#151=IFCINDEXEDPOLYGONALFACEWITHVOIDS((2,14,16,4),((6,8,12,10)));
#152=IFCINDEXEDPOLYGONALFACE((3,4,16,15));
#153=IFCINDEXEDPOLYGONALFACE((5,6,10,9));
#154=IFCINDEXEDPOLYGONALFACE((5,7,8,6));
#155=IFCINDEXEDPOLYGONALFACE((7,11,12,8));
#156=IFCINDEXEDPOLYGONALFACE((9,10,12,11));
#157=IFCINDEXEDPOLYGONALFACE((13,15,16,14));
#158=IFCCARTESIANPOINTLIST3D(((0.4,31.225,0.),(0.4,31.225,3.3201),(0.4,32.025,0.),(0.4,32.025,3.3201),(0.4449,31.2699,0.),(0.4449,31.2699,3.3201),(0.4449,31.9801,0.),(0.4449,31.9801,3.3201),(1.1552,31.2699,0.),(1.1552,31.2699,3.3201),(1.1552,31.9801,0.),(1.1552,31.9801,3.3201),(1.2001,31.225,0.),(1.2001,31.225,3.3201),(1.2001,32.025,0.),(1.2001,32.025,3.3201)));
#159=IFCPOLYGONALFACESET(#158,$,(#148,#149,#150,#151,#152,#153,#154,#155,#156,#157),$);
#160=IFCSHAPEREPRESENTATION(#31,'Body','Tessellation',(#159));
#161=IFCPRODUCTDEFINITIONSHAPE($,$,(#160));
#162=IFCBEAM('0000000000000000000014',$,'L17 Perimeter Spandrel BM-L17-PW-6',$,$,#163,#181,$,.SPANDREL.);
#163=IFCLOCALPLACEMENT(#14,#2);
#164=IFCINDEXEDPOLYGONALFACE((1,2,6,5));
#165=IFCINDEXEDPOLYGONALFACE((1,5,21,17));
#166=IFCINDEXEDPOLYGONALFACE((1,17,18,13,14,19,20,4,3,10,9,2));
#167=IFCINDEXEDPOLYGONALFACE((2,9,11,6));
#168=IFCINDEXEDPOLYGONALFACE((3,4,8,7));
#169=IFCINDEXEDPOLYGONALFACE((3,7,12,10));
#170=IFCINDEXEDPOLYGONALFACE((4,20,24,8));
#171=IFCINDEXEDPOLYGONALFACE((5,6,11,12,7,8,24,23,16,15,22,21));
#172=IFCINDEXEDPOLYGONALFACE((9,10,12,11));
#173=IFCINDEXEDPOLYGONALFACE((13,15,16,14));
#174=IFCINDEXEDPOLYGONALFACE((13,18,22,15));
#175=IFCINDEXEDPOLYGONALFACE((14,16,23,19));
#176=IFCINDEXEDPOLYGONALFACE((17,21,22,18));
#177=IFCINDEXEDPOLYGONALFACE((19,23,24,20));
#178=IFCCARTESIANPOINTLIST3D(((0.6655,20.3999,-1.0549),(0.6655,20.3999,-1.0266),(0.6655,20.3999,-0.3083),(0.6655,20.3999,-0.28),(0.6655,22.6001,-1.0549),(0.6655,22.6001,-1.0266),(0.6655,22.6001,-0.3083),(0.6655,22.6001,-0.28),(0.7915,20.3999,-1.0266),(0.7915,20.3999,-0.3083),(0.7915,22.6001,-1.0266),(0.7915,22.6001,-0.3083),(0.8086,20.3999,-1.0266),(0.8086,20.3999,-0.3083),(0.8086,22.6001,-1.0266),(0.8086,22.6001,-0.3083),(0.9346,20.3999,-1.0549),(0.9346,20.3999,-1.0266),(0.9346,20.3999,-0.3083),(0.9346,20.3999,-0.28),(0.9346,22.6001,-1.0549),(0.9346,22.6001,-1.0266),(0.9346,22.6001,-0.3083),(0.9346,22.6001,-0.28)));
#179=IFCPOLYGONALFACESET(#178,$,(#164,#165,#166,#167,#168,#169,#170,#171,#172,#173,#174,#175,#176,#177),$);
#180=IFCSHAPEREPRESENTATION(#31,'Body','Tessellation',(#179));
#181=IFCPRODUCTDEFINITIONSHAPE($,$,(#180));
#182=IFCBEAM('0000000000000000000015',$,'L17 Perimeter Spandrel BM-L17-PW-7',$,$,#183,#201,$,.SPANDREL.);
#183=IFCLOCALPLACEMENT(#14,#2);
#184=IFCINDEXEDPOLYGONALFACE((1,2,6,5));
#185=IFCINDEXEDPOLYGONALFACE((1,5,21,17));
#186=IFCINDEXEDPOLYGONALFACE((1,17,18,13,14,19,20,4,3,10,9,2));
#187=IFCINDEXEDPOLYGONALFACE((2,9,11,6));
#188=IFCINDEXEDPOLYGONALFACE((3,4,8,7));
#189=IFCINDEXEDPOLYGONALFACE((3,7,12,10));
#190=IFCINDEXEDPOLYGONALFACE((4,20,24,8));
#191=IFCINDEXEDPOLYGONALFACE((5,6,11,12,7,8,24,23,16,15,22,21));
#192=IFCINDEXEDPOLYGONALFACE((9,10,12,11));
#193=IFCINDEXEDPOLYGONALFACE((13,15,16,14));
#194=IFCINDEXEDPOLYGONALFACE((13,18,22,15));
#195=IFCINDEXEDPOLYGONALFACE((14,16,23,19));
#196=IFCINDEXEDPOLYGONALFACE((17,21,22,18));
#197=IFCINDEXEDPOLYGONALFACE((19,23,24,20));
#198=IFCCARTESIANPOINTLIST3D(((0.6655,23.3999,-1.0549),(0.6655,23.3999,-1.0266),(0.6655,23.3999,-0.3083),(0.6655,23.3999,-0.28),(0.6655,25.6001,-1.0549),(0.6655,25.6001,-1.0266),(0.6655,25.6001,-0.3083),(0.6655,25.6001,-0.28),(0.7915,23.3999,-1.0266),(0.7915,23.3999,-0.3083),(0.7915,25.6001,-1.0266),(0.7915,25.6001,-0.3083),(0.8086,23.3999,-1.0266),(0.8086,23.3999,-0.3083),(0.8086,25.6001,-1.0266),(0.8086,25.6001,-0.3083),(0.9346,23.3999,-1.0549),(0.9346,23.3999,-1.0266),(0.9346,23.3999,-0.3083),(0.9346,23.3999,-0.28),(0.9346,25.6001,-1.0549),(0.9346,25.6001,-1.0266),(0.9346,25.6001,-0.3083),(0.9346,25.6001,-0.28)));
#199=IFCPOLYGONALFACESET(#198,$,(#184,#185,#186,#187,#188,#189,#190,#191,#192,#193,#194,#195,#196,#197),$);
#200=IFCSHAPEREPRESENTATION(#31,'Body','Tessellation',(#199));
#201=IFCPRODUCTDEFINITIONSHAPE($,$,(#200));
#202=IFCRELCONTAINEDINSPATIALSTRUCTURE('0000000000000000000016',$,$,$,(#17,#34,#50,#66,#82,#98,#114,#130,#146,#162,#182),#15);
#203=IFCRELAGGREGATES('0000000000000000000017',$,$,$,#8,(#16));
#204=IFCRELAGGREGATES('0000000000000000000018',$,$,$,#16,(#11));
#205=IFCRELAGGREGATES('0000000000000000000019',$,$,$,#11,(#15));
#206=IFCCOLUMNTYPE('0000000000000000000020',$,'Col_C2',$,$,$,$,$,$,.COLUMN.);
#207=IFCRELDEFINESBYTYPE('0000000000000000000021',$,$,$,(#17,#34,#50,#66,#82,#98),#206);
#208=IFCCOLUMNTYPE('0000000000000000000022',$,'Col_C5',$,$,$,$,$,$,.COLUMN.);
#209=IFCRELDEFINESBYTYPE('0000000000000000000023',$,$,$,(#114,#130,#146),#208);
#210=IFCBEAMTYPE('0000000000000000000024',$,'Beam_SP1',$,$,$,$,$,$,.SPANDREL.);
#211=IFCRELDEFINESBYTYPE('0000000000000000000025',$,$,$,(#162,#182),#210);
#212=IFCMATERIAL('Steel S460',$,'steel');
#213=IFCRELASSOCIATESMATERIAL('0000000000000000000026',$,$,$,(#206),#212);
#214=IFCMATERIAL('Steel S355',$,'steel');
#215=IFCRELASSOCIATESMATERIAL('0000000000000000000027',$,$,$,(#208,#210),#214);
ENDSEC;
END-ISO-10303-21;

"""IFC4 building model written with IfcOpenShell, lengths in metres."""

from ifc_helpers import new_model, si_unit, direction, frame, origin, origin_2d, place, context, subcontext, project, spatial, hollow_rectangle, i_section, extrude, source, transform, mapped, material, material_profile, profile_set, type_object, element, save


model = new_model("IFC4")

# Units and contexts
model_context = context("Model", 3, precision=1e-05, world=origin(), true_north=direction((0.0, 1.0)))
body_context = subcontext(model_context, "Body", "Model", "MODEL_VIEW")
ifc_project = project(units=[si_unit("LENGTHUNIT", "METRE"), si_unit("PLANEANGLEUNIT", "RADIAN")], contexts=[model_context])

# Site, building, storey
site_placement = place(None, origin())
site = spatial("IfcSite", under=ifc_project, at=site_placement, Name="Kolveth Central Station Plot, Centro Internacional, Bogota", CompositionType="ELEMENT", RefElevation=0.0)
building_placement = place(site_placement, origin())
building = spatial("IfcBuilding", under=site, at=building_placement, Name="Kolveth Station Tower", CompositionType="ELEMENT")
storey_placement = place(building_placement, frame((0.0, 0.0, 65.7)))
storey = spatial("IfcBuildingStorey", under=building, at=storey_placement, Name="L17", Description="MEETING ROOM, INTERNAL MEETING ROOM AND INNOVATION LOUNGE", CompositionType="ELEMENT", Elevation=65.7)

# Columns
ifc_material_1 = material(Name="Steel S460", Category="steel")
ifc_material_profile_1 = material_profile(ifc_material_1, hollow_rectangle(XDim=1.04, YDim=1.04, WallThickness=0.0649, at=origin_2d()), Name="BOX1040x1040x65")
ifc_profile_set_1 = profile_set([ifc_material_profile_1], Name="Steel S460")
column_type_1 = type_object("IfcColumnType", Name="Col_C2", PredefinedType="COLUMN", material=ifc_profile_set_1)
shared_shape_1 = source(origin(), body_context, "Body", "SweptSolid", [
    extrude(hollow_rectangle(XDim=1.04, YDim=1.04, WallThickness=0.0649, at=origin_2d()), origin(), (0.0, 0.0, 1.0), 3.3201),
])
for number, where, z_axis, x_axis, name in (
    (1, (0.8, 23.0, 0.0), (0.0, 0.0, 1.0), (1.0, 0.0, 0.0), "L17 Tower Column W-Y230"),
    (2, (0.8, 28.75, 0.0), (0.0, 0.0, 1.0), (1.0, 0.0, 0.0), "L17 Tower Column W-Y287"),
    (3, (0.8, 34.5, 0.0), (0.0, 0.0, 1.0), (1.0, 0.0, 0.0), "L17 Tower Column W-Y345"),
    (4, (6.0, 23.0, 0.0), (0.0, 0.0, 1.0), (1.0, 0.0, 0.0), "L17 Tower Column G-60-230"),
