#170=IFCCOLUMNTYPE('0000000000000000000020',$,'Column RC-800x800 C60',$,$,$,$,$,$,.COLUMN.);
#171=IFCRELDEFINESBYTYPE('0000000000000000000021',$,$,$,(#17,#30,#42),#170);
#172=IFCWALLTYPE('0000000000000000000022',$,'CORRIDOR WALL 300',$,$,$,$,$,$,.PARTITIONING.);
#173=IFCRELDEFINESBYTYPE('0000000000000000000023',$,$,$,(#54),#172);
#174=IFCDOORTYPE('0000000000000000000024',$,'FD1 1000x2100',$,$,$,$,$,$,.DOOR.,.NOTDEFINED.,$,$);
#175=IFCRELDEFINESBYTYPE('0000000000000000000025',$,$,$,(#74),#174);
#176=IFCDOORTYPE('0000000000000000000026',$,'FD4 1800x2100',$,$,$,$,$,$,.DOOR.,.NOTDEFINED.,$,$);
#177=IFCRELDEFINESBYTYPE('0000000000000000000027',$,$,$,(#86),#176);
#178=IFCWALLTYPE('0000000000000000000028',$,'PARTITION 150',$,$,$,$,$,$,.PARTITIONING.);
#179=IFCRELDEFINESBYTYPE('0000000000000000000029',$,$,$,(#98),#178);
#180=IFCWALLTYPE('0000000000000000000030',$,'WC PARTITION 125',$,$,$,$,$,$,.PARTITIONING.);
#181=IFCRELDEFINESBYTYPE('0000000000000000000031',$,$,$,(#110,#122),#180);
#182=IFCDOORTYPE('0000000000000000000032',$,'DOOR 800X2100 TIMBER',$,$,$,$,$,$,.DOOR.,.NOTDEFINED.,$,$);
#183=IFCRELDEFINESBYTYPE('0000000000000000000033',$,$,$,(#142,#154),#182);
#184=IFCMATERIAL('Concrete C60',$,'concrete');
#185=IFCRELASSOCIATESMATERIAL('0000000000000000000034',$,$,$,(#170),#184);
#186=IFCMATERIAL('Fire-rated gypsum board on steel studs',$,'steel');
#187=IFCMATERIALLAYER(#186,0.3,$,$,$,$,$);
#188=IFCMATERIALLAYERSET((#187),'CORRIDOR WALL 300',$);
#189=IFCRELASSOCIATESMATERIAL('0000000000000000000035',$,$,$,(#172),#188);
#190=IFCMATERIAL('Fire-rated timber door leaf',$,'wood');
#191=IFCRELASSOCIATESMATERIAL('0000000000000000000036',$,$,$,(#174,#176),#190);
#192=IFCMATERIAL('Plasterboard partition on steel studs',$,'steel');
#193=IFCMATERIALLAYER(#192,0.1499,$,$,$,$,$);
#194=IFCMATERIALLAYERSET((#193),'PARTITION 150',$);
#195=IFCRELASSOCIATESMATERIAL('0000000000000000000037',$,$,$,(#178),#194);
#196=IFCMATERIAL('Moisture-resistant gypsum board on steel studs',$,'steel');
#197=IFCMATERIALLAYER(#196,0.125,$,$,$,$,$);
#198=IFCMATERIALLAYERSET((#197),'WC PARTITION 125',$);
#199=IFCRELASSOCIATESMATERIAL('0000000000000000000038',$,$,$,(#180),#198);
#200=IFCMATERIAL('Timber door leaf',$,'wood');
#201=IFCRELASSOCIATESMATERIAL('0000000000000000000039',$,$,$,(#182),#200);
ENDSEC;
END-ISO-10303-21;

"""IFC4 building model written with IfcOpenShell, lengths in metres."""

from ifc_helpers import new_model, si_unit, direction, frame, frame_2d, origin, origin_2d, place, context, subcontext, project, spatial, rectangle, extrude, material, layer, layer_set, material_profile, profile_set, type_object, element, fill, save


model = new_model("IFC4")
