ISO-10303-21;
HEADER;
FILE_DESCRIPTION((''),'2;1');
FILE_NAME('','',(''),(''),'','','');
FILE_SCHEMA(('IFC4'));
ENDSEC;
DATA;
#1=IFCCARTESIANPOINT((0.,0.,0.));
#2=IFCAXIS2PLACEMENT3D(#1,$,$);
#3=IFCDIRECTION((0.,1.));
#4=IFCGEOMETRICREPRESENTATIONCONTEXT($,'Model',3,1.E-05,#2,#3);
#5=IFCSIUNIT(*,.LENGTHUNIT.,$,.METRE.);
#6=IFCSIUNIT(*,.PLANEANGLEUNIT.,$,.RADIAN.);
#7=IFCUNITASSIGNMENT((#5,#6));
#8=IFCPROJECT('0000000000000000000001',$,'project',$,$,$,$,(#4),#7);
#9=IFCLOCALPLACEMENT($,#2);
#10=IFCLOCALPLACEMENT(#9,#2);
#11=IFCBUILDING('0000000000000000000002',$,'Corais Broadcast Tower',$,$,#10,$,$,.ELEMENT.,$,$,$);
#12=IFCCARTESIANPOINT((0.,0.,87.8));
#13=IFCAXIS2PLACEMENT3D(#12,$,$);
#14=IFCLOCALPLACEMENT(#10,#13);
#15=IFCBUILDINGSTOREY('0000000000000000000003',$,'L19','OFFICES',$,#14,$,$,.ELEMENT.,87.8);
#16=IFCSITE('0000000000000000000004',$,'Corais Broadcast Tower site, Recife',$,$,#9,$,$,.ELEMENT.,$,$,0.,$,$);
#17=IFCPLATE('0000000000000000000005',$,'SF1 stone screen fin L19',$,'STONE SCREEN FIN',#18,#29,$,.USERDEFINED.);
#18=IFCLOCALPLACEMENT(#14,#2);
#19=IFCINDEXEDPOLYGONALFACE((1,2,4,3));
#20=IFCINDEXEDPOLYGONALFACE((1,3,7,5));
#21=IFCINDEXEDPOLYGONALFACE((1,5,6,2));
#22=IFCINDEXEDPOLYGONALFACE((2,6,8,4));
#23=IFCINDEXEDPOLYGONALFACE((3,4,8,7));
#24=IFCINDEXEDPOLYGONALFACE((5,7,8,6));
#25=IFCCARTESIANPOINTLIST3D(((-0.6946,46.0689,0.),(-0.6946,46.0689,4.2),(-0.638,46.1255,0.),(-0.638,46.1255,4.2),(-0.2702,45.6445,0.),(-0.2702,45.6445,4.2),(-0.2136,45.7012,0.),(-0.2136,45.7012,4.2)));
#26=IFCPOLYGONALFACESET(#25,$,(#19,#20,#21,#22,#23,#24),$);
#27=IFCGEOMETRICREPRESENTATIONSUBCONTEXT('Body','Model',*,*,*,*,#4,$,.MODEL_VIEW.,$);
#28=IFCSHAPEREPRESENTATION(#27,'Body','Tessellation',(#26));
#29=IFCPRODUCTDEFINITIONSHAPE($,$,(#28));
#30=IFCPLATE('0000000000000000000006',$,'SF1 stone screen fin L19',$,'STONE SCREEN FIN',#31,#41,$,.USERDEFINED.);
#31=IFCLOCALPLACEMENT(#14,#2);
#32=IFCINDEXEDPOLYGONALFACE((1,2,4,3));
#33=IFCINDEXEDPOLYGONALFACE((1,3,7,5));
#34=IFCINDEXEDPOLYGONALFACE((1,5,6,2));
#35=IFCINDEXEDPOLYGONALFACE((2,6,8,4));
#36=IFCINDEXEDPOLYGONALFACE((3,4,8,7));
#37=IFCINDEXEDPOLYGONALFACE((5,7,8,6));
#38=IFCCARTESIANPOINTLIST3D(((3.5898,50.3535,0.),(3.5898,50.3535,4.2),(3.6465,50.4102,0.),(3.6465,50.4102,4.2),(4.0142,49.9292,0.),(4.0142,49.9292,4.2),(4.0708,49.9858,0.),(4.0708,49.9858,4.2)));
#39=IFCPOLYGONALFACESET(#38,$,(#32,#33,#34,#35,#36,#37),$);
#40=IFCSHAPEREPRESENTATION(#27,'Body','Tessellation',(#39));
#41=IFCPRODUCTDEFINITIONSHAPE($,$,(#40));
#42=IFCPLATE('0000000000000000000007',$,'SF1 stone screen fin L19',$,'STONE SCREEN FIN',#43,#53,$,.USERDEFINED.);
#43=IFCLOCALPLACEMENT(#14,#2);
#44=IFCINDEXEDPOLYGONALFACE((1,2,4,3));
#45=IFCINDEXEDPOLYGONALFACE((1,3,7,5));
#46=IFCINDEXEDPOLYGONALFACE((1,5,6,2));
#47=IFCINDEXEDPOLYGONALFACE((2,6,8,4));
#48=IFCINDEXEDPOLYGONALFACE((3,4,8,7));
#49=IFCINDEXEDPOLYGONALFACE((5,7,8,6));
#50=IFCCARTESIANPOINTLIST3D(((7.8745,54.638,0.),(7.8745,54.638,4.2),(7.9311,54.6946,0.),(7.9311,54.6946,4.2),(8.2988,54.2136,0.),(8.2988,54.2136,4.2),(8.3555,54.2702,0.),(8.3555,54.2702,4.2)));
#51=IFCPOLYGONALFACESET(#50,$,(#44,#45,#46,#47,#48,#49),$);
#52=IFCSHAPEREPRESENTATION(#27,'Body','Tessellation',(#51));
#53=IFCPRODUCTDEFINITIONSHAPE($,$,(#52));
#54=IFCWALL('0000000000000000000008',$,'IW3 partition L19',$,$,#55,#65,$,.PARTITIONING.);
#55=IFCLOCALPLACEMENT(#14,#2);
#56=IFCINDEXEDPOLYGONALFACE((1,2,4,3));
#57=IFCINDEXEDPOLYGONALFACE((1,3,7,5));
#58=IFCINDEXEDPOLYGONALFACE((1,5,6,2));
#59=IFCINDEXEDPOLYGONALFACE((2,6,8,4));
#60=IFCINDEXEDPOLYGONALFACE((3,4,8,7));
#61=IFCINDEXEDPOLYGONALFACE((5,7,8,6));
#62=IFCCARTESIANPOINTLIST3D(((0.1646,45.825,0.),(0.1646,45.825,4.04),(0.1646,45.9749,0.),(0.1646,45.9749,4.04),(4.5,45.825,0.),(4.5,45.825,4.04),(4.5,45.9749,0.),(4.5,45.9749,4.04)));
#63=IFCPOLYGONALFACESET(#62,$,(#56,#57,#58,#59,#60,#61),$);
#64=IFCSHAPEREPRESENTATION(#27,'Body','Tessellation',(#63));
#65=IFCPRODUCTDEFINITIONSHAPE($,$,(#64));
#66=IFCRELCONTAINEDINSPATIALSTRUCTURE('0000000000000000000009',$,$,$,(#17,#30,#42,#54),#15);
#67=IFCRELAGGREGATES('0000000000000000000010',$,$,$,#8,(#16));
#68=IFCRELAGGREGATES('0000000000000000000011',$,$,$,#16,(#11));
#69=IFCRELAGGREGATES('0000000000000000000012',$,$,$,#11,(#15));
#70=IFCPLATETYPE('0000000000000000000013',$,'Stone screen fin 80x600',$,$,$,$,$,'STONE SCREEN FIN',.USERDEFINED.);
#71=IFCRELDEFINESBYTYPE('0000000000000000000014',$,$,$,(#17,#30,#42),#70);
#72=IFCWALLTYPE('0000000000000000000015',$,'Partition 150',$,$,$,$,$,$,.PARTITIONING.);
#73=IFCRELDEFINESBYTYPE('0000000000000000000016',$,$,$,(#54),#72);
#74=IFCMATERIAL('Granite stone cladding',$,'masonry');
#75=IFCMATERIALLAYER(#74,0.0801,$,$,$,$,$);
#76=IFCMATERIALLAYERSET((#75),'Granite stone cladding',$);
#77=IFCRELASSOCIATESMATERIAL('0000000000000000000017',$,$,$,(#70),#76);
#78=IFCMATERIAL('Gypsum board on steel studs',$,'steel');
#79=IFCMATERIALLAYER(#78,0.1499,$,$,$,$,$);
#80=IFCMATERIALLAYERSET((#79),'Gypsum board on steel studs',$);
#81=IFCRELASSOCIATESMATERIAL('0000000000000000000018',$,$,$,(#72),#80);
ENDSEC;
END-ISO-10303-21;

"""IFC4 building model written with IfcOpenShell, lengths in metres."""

from ifc_helpers import new_model, si_unit, direction, frame, frame_2d, origin, origin_2d, place, context, subcontext, project, spatial, rectangle, extrude, material, layer, layer_set, type_object, element, save


model = new_model("IFC4")

# Units and contexts
model_context = context("Model", 3, precision=1e-05, world=origin(), true_north=direction((0.0, 1.0)))
body_context = subcontext(model_context, "Body", "Model", "MODEL_VIEW")
ifc_project = project(units=[si_unit("LENGTHUNIT", "METRE"), si_unit("PLANEANGLEUNIT", "RADIAN")], contexts=[model_context])

# Site, building, storey
site_placement = place(None, origin())
site = spatial("IfcSite", under=ifc_project, at=site_placement, Name="Corais Broadcast Tower site, Recife", CompositionType="ELEMENT", RefElevation=0.0)
building_placement = place(site_placement, origin())
building = spatial("IfcBuilding", under=site, at=building_placement, Name="Corais Broadcast Tower", CompositionType="ELEMENT")
storey_placement = place(building_placement, frame((0.0, 0.0, 87.8)))
storey = spatial("IfcBuildingStorey", under=building, at=storey_placement, Name="L19", Description="OFFICES", CompositionType="ELEMENT", Elevation=87.8)

# Plates
ifc_material_1 = material(Name="Granite stone cladding", Category="masonry")
ifc_layer_1 = layer(ifc_material_1, 0.0801)
ifc_layer_set_1 = layer_set([ifc_layer_1], Name="Granite stone cladding")
plate_type_1 = type_object("IfcPlateType", Name="Stone screen fin 80x600", ElementType="STONE SCREEN FIN", PredefinedType="USERDEFINED", material=ifc_layer_set_1)
for number, where, z_axis, x_axis, name in (
    (1, (-0.4541, 45.885, 0.0), (0.0, 0.0, 1.0), (0.707107, 0.707107, 0.0), "SF1 stone screen fin L19"),
    (2, (3.8303, 50.1697, 0.0), (0.0, 0.0, 1.0), (0.707107, 0.707107, 0.0), "SF1 stone screen fin L19"),
    (3, (8.115, 54.4541, 0.0), (0.0, 0.0, 1.0), (0.707107, 0.707107, 0.0), "SF1 stone screen fin L19"),
):
    element("IfcPlate", number, at=place(storey_placement, frame(where, z_axis=z_axis, x_axis=x_axis)), inside=storey, type_object=plate_type_1, Name=name, ObjectType="STONE SCREEN FIN", PredefinedType="USERDEFINED", context=body_context, shape_type="SweptSolid", body=[
        extrude(rectangle(XDim=0.0801, YDim=0.6001, at=origin_2d()), origin(), (0.0, 0.0, 1.0), 4.2),
    ])

# Wall
ifc_material_2 = material(Name="Gypsum board on steel studs", Category="steel")
ifc_layer_2 = layer(ifc_material_2, 0.1499)
ifc_layer_set_2 = layer_set([ifc_layer_2], Name="Gypsum board on steel studs")
wall_type = type_object("IfcWallType", Name="Partition 150", PredefinedType="PARTITIONING", material=ifc_layer_set_2)
wall_placement = place(storey_placement, frame((4.5, 45.8999, 0.0), z_axis=(0.0, 0.0, 1.0), x_axis=(-1.0, 0.0, 0.0)))
element("IfcWall", 4, at=wall_placement, inside=storey, type_object=wall_type, Name="IW3 partition L19", PredefinedType="PARTITIONING", context=body_context, shape_type="SweptSolid", body=[
    extrude(rectangle(XDim=4.3354, YDim=0.1499, at=frame_2d((2.1677, 0.0))), origin(), (0.0, 0.0, 1.0), 4.04),
])

save(model, "model.ifc")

◆ **WHAT TO WORK ON**
Filter the records above for the string "leaf" and copy each matching line.

◆ **TASK SOLUTION**
#190=IFCMATERIAL('Fire-rated timber door leaf',$,'wood');
#200=IFCMATERIAL('Timber door leaf',$,'wood');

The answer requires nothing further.